(Stored data)
-*-*-
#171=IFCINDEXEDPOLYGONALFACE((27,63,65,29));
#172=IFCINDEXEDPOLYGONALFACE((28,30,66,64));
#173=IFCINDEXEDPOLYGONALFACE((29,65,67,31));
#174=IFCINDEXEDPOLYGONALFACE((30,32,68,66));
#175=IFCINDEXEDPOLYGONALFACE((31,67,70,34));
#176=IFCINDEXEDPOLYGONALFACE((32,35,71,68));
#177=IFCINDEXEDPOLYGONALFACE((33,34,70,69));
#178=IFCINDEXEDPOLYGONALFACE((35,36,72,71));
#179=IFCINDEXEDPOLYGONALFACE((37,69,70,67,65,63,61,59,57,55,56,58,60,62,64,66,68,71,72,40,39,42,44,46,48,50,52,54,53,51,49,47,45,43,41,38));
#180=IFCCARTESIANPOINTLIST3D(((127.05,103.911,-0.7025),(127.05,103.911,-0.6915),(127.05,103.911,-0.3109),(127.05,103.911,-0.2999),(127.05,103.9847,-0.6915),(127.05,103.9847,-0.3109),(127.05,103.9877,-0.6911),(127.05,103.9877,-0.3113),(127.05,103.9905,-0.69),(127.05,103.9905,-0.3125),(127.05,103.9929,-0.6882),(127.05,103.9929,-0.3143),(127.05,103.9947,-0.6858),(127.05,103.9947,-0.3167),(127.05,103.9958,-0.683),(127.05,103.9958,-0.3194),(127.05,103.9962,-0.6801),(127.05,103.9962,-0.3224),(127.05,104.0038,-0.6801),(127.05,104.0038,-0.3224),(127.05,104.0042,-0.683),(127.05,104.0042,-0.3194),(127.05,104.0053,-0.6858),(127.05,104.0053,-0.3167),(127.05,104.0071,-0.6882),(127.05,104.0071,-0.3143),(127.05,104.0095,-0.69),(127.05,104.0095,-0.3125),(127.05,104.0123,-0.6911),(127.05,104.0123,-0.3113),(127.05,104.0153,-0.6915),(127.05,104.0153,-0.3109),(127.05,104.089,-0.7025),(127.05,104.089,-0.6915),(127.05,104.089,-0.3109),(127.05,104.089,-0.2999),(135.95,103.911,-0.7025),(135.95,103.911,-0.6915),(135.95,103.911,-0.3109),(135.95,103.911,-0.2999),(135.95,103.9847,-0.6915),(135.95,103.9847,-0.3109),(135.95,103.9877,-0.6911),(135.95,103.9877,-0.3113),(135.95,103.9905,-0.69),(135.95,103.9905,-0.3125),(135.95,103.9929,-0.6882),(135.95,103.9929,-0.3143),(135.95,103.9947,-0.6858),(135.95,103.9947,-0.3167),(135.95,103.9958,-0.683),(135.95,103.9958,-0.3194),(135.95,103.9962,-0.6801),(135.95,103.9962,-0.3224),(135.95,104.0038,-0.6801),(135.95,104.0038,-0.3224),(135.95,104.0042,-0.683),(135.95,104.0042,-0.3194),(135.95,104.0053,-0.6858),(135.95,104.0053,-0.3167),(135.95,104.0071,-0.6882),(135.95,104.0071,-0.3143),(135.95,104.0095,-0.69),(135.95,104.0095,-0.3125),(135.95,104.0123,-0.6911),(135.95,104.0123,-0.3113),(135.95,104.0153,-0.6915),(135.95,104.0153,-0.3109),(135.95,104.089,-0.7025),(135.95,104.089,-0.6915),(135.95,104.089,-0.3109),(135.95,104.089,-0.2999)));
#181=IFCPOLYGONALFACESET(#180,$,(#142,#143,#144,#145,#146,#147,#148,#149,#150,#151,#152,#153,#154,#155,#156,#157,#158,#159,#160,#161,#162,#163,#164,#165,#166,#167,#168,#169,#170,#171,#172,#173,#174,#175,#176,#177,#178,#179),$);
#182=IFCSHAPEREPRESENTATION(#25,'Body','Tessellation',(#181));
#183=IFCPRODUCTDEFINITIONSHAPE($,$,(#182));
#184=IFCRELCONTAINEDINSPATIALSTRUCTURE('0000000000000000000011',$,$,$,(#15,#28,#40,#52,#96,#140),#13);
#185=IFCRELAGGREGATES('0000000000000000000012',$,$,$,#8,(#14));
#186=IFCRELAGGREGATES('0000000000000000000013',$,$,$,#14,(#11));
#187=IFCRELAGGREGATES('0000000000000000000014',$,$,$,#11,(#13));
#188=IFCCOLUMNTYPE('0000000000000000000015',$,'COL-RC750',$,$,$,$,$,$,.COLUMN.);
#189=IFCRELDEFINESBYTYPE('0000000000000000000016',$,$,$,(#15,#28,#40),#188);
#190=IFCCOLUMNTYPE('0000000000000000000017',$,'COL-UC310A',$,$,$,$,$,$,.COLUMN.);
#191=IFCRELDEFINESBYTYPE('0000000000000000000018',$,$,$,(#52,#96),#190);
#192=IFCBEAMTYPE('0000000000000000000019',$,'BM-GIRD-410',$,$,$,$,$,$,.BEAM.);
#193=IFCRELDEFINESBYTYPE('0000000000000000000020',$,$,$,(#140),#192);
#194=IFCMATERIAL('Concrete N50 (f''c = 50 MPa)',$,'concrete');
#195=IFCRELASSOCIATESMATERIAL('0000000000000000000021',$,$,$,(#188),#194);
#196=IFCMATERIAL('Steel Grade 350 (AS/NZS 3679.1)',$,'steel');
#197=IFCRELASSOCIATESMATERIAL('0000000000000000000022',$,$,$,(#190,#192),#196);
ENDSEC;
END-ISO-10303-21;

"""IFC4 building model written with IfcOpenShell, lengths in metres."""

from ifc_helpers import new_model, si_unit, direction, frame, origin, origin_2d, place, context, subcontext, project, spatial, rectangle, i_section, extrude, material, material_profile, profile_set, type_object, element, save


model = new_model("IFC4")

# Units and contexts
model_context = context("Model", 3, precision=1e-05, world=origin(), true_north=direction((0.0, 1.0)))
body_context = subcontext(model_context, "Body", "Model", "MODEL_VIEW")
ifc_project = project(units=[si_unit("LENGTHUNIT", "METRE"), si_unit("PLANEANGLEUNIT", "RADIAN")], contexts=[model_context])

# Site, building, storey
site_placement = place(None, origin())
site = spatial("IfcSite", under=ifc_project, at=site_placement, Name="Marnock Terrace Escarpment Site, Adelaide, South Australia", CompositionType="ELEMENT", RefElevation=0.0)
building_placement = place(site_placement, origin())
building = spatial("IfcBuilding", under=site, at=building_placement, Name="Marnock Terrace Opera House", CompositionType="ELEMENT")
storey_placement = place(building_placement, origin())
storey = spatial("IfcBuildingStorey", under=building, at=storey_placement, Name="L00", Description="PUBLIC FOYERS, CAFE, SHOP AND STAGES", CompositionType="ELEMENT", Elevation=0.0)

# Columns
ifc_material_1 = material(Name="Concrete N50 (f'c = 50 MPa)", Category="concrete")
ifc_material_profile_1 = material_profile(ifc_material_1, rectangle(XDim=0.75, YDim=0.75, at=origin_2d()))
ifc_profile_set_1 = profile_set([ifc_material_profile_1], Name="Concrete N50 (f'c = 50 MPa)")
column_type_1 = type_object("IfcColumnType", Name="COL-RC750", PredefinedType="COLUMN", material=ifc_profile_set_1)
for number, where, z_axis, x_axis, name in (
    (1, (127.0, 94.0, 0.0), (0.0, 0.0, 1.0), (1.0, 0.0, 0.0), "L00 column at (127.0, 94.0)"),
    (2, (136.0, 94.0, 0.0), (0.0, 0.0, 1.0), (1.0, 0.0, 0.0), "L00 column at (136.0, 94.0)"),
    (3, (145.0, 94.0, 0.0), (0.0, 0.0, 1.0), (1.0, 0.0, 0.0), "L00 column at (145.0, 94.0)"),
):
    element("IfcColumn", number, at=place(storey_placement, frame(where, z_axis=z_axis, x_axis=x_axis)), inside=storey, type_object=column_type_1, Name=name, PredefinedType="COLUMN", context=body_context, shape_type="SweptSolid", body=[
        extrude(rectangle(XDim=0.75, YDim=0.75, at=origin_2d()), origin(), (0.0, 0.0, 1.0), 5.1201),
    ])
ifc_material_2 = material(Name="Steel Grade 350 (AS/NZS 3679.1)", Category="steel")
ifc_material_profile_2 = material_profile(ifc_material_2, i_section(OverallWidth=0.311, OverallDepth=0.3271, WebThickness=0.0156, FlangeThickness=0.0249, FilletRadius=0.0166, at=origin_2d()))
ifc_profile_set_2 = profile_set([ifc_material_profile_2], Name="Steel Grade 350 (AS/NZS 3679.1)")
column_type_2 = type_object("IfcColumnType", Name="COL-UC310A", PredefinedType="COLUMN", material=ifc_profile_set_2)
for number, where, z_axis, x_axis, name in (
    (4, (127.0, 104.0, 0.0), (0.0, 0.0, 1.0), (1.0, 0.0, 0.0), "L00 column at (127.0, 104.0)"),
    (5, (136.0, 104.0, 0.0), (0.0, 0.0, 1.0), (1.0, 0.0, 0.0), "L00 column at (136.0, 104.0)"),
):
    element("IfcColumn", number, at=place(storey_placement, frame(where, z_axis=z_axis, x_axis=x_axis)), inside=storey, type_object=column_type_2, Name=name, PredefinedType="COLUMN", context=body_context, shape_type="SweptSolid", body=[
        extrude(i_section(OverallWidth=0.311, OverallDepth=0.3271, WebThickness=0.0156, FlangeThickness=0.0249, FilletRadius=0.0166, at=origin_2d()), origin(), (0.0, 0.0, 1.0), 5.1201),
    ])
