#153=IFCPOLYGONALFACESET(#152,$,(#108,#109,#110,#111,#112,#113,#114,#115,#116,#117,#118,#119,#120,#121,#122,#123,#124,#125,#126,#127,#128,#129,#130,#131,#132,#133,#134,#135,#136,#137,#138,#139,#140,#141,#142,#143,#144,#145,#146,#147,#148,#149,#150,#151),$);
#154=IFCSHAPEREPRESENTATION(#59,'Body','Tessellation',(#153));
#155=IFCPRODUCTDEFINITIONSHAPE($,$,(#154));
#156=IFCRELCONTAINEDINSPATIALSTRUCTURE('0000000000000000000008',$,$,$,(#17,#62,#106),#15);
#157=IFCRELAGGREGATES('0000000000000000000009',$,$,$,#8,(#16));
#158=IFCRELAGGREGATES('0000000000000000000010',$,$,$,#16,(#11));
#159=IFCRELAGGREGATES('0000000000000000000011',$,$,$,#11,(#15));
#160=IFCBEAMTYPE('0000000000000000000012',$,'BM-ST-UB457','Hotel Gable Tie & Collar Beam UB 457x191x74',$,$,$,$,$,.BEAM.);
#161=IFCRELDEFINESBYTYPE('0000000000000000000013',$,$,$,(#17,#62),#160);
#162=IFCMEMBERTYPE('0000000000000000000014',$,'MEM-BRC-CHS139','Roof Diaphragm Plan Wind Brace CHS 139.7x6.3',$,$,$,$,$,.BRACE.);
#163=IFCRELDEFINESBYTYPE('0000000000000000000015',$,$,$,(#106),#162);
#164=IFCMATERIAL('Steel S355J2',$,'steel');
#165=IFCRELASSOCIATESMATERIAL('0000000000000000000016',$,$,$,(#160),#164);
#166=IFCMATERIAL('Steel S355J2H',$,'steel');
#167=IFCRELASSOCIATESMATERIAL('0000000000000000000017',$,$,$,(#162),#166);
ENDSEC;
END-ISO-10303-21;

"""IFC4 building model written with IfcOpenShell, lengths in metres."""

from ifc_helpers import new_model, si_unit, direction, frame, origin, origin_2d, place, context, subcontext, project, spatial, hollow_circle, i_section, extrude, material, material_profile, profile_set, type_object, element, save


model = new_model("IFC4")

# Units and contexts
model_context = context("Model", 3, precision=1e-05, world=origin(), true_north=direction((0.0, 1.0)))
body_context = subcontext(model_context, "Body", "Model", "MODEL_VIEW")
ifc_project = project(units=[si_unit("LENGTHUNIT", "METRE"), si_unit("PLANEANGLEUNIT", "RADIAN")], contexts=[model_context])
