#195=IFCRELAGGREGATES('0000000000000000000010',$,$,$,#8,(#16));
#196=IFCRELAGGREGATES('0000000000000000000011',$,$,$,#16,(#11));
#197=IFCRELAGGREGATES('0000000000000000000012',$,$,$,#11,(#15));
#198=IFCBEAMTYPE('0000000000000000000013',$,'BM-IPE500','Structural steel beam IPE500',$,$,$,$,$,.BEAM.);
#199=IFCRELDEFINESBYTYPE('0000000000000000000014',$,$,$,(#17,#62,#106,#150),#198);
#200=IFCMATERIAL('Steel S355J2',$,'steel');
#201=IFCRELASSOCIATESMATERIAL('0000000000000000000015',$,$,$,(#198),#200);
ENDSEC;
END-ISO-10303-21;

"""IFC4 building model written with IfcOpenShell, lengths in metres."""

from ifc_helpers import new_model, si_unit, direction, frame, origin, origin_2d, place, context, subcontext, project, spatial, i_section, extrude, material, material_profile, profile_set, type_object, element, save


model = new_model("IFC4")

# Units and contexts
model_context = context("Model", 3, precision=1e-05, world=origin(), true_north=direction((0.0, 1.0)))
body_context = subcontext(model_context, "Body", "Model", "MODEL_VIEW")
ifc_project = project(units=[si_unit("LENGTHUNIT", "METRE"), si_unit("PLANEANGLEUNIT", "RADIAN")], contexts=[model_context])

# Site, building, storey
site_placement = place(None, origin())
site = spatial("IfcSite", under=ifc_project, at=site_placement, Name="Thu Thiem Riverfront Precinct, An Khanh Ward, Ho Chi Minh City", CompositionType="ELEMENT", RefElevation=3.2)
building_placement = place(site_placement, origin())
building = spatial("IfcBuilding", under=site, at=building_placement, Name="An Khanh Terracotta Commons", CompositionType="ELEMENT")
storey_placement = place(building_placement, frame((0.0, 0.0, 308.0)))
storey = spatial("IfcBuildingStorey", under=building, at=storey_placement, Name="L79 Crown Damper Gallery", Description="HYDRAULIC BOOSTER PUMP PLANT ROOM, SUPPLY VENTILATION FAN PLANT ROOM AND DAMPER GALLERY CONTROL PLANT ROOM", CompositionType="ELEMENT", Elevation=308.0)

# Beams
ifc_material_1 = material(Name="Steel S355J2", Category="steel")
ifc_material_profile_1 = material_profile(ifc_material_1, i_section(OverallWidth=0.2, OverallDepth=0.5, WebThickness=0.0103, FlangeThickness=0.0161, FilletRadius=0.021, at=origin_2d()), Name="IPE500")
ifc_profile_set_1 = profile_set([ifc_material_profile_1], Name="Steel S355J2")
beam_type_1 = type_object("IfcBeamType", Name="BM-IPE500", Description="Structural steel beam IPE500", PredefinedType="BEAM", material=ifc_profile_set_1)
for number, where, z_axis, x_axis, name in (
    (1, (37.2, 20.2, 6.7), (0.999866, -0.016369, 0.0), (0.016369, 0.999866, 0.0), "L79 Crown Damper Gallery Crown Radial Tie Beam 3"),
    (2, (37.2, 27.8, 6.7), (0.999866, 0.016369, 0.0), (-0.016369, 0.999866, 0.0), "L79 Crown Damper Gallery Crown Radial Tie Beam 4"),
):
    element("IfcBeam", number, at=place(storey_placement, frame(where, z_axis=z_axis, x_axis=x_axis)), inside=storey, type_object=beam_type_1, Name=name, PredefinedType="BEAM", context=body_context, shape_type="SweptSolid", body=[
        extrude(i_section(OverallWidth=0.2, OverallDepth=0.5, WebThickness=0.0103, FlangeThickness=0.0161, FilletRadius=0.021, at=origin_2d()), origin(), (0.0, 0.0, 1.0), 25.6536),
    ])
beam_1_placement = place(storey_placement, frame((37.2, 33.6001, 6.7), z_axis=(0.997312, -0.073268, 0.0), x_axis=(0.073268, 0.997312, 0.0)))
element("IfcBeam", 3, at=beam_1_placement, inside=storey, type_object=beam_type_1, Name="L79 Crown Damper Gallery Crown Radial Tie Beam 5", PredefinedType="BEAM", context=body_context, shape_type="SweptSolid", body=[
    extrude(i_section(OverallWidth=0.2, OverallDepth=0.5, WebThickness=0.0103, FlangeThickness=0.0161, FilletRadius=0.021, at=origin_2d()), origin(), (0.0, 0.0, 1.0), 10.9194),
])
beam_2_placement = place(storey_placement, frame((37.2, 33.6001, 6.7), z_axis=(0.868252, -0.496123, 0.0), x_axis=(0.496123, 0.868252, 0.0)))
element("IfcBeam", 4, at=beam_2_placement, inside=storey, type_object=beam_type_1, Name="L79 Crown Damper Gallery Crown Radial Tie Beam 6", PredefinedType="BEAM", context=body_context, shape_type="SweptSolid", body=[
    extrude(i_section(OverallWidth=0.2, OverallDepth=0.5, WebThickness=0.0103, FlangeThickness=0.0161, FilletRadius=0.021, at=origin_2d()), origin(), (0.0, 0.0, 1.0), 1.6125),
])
-*-*-
Aim of the exercise
Repeat the entries above exactly, from the first line through the line containing "#176=IFCINDEXEDPOLYGONALFACE((32,35,71,68));".

Answer box
#171=IFCINDEXEDPOLYGONALFACE((27,63,65,29));
#172=IFCINDEXEDPOLYGONALFACE((28,30,66,64));
#173=IFCINDEXEDPOLYGONALFACE((29,65,67,31));
#174=IFCINDEXEDPOLYGONALFACE((30,32,68,66));
#175=IFCINDEXEDPOLYGONALFACE((31,67,70,34));
#176=IFCINDEXEDPOLYGONALFACE((32,35,71,68));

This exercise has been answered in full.